● Work instructions: Could you write out the line containing "#142=IFCWALL('0000000000000000000013',$,'T2 L66 Stair" and all the lines below it in the data, exactly, through the final one and nothing else?

● Data for analysis:
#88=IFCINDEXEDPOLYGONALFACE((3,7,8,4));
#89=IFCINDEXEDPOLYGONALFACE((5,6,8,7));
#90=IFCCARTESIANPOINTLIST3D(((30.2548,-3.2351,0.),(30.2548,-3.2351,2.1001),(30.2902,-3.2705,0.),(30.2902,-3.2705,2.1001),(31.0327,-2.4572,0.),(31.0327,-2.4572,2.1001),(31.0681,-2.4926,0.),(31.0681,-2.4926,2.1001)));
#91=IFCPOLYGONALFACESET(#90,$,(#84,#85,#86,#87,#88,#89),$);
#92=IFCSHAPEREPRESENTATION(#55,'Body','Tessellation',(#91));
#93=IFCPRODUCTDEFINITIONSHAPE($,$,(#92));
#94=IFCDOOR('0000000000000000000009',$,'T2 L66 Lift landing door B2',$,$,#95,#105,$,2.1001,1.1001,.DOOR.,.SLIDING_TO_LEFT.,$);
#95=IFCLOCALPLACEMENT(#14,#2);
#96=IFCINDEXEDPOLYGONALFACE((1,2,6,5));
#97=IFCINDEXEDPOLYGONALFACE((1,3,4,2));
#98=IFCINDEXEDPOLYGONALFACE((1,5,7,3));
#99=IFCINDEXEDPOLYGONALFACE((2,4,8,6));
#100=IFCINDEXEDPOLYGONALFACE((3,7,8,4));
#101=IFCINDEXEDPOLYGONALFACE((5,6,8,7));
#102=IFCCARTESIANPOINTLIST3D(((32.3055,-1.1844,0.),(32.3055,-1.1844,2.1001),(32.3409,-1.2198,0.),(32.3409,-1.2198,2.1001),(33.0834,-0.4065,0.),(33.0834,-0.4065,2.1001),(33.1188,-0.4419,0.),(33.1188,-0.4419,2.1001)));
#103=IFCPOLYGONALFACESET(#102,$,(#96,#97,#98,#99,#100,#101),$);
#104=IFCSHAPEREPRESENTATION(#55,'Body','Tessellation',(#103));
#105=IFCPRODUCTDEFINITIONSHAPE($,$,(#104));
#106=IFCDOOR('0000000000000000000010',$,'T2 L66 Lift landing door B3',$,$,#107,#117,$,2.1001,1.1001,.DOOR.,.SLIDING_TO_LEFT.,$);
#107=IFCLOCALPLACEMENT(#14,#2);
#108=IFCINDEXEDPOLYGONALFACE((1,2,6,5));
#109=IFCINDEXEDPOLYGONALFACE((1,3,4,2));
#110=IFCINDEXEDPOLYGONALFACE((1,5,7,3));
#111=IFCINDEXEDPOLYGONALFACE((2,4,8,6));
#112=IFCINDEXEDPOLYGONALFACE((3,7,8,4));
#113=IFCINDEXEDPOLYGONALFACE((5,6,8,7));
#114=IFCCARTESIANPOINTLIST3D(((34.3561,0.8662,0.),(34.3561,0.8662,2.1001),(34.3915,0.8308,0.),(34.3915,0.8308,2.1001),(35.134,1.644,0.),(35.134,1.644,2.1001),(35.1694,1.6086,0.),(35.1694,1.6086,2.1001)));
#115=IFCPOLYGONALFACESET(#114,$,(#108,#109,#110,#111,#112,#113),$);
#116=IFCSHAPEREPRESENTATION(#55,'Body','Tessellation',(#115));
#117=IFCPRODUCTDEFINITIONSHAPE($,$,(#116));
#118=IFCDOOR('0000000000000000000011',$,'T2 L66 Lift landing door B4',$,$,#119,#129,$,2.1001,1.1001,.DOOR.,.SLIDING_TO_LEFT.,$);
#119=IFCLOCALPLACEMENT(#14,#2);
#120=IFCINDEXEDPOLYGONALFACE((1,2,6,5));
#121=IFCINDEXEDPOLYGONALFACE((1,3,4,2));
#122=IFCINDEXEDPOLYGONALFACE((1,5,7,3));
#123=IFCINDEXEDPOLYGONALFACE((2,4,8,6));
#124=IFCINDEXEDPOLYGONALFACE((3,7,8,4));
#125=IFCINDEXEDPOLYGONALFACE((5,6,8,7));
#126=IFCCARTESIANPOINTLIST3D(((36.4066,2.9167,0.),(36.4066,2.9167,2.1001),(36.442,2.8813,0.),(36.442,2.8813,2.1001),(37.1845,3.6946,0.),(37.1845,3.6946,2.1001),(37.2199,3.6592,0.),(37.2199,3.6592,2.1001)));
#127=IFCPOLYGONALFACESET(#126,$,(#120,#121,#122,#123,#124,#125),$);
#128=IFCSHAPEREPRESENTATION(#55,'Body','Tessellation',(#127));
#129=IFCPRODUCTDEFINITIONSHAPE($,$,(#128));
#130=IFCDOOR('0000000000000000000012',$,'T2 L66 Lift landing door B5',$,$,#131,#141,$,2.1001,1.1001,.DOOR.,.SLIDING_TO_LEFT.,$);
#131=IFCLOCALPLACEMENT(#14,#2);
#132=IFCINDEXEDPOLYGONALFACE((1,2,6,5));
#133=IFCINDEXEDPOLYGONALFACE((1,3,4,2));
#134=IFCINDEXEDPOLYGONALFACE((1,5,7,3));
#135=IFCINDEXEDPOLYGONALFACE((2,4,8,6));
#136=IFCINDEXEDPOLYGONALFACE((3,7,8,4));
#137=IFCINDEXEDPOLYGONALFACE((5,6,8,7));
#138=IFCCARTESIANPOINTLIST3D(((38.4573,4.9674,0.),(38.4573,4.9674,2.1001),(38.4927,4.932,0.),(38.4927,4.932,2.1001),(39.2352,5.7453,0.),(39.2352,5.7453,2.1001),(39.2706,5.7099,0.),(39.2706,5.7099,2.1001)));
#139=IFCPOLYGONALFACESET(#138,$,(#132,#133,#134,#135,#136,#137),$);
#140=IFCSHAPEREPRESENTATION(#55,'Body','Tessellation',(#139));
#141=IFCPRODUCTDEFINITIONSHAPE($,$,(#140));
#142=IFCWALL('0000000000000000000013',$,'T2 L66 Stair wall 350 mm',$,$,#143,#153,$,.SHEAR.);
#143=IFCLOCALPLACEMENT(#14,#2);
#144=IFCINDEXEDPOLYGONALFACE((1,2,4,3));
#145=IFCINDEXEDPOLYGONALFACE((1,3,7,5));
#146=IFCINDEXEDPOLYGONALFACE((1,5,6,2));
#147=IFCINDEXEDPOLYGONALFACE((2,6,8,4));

● Completed task:
#142=IFCWALL('0000000000000000000013',$,'T2 L66 Stair wall 350 mm',$,$,#143,#153,$,.SHEAR.);
#143=IFCLOCALPLACEMENT(#14,#2);
#144=IFCINDEXEDPOLYGONALFACE((1,2,4,3));
#145=IFCINDEXEDPOLYGONALFACE((1,3,7,5));
#146=IFCINDEXEDPOLYGONALFACE((1,5,6,2));
#147=IFCINDEXEDPOLYGONALFACE((2,6,8,4));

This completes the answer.